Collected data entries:
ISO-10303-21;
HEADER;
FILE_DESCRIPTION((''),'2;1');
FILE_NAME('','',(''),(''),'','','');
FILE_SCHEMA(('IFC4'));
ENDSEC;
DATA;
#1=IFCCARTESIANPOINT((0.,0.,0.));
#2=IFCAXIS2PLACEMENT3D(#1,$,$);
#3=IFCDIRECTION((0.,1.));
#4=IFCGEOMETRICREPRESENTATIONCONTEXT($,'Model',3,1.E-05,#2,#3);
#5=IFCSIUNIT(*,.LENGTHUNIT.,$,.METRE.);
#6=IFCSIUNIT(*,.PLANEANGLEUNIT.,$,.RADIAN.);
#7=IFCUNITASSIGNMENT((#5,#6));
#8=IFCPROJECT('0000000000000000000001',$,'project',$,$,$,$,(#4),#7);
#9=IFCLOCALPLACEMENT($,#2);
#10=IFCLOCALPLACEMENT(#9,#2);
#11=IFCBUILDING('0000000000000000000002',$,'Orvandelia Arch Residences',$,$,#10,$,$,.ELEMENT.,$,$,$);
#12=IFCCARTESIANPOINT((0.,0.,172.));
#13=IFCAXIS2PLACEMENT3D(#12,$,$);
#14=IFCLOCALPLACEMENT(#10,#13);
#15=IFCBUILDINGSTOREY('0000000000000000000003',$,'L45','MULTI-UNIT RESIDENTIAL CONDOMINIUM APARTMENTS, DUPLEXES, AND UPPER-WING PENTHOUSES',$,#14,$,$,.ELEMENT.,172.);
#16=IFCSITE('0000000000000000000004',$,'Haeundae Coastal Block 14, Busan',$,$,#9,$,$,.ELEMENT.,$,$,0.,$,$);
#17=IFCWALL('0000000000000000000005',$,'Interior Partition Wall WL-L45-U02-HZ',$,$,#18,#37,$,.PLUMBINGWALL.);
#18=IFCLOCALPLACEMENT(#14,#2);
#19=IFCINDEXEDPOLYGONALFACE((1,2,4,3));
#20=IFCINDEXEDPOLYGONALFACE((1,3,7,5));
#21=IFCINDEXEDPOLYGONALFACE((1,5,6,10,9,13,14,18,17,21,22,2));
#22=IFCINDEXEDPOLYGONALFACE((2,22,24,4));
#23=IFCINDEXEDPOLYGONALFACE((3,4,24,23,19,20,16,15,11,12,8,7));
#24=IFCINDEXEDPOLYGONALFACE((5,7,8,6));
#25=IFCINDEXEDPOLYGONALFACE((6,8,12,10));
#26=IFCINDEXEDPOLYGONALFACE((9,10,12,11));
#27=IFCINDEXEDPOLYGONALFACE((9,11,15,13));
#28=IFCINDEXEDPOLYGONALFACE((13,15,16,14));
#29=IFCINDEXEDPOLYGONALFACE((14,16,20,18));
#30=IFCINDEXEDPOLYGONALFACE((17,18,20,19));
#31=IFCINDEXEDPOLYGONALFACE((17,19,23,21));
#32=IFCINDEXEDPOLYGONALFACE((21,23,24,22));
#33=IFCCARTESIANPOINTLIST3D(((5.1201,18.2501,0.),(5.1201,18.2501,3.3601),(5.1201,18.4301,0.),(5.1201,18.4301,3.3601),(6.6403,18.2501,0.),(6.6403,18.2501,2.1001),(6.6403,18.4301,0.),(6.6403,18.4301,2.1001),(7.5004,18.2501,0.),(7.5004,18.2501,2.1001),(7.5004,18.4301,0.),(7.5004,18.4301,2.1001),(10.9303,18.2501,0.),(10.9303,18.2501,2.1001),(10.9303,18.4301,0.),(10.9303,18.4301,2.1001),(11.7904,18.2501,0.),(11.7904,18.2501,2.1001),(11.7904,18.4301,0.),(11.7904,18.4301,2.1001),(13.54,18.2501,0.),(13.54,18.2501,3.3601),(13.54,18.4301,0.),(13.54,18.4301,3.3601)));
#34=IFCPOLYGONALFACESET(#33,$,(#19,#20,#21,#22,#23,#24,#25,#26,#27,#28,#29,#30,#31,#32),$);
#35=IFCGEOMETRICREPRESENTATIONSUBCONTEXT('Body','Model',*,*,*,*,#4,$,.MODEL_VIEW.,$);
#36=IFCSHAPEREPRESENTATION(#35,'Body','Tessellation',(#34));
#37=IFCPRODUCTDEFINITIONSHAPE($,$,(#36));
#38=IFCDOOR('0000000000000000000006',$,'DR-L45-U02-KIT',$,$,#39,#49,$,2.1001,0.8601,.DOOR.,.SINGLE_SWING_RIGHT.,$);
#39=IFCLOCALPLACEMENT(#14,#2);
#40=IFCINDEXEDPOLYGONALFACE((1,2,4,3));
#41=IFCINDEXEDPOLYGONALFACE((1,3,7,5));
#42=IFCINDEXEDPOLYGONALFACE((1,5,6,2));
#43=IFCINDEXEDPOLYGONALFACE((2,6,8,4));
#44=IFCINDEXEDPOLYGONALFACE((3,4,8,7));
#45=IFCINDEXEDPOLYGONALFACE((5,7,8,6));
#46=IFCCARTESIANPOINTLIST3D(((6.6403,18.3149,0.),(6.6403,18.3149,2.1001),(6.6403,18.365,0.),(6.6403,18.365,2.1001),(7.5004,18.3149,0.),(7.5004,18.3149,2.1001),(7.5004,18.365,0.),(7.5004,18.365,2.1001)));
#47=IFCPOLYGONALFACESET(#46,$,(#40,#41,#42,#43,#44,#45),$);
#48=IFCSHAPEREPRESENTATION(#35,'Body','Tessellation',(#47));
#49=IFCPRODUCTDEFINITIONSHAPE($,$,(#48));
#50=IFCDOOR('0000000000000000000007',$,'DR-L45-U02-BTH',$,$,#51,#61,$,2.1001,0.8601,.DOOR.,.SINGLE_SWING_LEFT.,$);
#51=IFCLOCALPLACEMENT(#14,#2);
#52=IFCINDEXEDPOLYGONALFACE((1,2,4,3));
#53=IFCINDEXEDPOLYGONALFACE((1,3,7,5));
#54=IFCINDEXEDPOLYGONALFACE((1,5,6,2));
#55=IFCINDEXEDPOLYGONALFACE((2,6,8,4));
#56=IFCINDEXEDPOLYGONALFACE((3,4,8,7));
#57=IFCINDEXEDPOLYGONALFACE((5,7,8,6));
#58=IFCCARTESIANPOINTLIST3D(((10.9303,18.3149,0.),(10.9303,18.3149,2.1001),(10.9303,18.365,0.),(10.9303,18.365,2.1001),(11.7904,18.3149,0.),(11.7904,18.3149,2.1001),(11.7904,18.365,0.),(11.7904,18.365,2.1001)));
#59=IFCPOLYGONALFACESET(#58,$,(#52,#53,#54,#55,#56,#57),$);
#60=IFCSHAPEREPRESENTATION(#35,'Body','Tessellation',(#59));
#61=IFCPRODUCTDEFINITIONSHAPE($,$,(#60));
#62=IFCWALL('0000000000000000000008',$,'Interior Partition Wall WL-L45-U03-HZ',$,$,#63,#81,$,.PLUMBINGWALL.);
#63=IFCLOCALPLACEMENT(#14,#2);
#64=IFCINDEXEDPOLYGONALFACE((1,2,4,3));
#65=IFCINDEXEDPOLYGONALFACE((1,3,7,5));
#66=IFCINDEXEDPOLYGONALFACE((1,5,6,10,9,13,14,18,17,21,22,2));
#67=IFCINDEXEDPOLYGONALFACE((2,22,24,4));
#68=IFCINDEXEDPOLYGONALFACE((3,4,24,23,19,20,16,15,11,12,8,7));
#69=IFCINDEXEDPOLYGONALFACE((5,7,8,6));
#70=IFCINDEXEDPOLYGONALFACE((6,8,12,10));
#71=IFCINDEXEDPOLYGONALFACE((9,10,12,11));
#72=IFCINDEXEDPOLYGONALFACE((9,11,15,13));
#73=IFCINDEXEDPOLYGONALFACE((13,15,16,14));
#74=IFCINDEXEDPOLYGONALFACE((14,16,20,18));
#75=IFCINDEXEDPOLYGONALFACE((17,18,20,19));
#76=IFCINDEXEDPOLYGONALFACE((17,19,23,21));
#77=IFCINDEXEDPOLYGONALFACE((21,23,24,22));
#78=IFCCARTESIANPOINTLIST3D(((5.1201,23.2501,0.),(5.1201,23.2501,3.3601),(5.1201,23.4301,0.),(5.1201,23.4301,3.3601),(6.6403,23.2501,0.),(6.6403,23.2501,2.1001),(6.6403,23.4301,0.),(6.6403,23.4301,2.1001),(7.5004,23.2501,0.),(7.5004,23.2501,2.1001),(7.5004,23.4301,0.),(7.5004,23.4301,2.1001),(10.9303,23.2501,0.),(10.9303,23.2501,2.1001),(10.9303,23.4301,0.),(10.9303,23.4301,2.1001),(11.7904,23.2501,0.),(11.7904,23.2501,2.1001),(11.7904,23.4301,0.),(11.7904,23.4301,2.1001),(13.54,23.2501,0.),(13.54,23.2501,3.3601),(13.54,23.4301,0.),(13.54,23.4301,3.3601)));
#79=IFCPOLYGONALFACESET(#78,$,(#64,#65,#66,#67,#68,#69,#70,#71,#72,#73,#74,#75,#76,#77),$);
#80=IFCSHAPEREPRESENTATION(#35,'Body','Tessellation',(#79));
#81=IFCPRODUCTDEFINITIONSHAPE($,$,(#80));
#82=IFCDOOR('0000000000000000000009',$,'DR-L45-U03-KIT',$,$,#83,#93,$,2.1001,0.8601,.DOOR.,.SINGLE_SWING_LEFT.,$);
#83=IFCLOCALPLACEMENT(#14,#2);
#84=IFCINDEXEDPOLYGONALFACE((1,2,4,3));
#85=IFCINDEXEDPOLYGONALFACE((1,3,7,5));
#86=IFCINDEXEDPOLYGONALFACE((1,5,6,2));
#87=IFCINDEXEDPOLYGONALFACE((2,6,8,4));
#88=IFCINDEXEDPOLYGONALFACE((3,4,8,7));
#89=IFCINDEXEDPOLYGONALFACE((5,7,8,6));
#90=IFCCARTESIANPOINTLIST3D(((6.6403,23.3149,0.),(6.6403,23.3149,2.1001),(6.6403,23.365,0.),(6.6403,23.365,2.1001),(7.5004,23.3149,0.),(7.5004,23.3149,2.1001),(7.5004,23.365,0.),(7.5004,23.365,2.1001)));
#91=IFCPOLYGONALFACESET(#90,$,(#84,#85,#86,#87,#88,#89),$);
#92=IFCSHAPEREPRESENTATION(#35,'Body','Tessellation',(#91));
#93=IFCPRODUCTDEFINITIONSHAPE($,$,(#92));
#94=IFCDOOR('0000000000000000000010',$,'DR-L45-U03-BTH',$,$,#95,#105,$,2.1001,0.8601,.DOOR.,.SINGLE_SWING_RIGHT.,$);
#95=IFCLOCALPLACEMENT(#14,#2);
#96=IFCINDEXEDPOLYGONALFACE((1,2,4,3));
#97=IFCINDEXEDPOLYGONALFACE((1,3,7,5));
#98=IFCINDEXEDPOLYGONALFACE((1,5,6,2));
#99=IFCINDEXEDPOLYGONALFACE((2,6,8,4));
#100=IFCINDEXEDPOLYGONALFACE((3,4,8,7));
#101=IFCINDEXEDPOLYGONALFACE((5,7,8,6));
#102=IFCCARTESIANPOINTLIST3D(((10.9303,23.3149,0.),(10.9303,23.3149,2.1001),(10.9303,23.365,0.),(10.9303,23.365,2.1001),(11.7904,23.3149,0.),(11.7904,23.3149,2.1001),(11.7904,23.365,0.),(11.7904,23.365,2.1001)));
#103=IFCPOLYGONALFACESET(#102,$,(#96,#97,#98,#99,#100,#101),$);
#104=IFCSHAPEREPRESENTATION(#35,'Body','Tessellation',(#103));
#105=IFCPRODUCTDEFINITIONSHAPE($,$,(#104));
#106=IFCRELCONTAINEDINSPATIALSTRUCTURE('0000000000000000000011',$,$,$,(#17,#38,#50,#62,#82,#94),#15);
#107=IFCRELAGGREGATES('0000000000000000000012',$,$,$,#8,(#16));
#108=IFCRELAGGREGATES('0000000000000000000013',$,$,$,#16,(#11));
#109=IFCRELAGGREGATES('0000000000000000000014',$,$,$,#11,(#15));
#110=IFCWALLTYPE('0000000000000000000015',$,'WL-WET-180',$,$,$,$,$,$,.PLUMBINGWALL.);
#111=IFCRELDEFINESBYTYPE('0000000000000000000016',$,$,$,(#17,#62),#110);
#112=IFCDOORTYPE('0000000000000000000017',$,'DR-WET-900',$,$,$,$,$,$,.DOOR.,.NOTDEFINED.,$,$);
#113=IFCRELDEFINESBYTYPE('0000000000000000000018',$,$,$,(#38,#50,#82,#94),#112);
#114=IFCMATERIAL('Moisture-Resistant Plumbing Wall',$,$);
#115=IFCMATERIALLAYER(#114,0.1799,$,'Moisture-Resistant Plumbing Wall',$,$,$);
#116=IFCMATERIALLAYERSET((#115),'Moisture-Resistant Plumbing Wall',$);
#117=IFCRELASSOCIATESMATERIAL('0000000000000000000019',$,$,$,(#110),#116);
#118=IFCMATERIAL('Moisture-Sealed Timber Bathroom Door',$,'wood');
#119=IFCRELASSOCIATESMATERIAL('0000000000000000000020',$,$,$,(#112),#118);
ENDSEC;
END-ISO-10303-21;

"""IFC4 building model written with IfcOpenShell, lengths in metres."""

from ifc_helpers import new_model, si_unit, direction, frame, frame_2d, origin, place, context, subcontext, project, spatial, rectangle, extrude, material, layer, layer_set, type_object, element, fill, save


model = new_model("IFC4")

# Units and contexts
model_context = context("Model", 3, precision=1e-05, world=origin(), true_north=direction((0.0, 1.0)))
body_context = subcontext(model_context, "Body", "Model", "MODEL_VIEW")
ifc_project = project(units=[si_unit("LENGTHUNIT", "METRE"), si_unit("PLANEANGLEUNIT", "RADIAN")], contexts=[model_context])

# Site, building, storey
site_placement = place(None, origin())
site = spatial("IfcSite", under=ifc_project, at=site_placement, Name="Haeundae Coastal Block 14, Busan", CompositionType="ELEMENT", RefElevation=0.0)
building_placement = place(site_placement, origin())
building = spatial("IfcBuilding", under=site, at=building_placement, Name="Orvandelia Arch Residences", CompositionType="ELEMENT")
storey_placement = place(building_placement, frame((0.0, 0.0, 172.0)))
storey = spatial("IfcBuildingStorey", under=building, at=storey_placement, Name="L45", Description="MULTI-UNIT RESIDENTIAL CONDOMINIUM APARTMENTS, DUPLEXES, AND UPPER-WING PENTHOUSES", CompositionType="ELEMENT", Elevation=172.0)

# Walls, openings, doors
ifc_material_1 = material(Name="Moisture-Resistant Plumbing Wall")
ifc_layer_1 = layer(ifc_material_1, 0.1799, Name="Moisture-Resistant Plumbing Wall")
ifc_layer_set_1 = layer_set([ifc_layer_1], Name="Moisture-Resistant Plumbing Wall")
wall_type_1 = type_object("IfcWallType", Name="WL-WET-180", PredefinedType="PLUMBINGWALL", material=ifc_layer_set_1)
wall_1_placement = place(storey_placement, frame((5.1201, 18.3401, 0.0), z_axis=(0.0, 0.0, 1.0), x_axis=(1.0, 0.0, 0.0)))
wall_1 = element("IfcWall", 1, at=wall_1_placement, inside=storey, type_object=wall_type_1, Name="Interior Partition Wall WL-L45-U02-HZ", PredefinedType="PLUMBINGWALL", context=body_context, shape_type="SweptSolid", body=[
    extrude(rectangle(XDim=8.4199, YDim=0.1799, at=frame_2d((4.21, 0.0))), origin(), (0.0, 0.0, 1.0), 3.3601),
])
opening_1_placement = place(wall_1_placement, frame((1.52, 0.0, 0.0)))
opening_1 = element("IfcOpeningElement", 2, at=opening_1_placement, cuts=wall_1, PredefinedType="OPENING", context=body_context, shape_type="SweptSolid", body=[
    extrude(rectangle(XDim=0.8601, YDim=2.1001, at=frame_2d((0.4302, 1.05))), frame((0.0, 0.1001, 0.0), z_axis=(0.0, -1.0, 0.0), x_axis=(1.0, 0.0, 0.0)), (0.0, 0.0, 1.0), 0.2),
])
opening_2_placement = place(wall_1_placement, frame((5.8101, 0.0, 0.0)))
opening_2 = element("IfcOpeningElement", 3, at=opening_2_placement, cuts=wall_1, PredefinedType="OPENING", context=body_context, shape_type="SweptSolid", body=[
    extrude(rectangle(XDim=0.8601, YDim=2.1001, at=frame_2d((0.4302, 1.05))), frame((0.0, 0.1001, 0.0), z_axis=(0.0, -1.0, 0.0), x_axis=(1.0, 0.0, 0.0)), (0.0, 0.0, 1.0), 0.2),
])
ifc_material_2 = material(Name="Moisture-Sealed Timber Bathroom Door", Category="wood")
door_type = type_object("IfcDoorType", Name="DR-WET-900", OperationType="NOTDEFINED", PredefinedType="DOOR", material=ifc_material_2)
door_1_placement = place(opening_1_placement, origin())
door_1 = element("IfcDoor", 4, at=door_1_placement, inside=storey, type_object=door_type, Name="DR-L45-U02-KIT", OperationType="SINGLE_SWING_RIGHT", OverallHeight=2.1001, OverallWidth=0.8601, PredefinedType="DOOR", context=body_context, shape_type="SweptSolid", body=[
    extrude(rectangle(XDim=0.8601, YDim=2.1001, at=frame_2d((0.4302, 1.05))), frame((0.0, 0.0249, 0.0), z_axis=(0.0, -1.0, 0.0), x_axis=(1.0, 0.0, 0.0)), (0.0, 0.0, 1.0), 0.05),
])
fill(opening_1, door_1)
door_2_placement = place(opening_2_placement, origin())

How to complete this task. Output, from the data above, the lines from the line with "#7=IFCUNITASSIGNMENT((#5,#6));" to the line with "#13=IFCAXIS2PLACEMENT3D(#12,$,$);" exactly as they stand, both ends included and nothing else.

Answer space.
#7=IFCUNITASSIGNMENT((#5,#6));
#8=IFCPROJECT('0000000000000000000001',$,'project',$,$,$,$,(#4),#7);
#9=IFCLOCALPLACEMENT($,#2);
#10=IFCLOCALPLACEMENT(#9,#2);
#11=IFCBUILDING('0000000000000000000002',$,'Orvandelia Arch Residences',$,$,#10,$,$,.ELEMENT.,$,$,$);
#12=IFCCARTESIANPOINT((0.,0.,172.));
#13=IFCAXIS2PLACEMENT3D(#12,$,$);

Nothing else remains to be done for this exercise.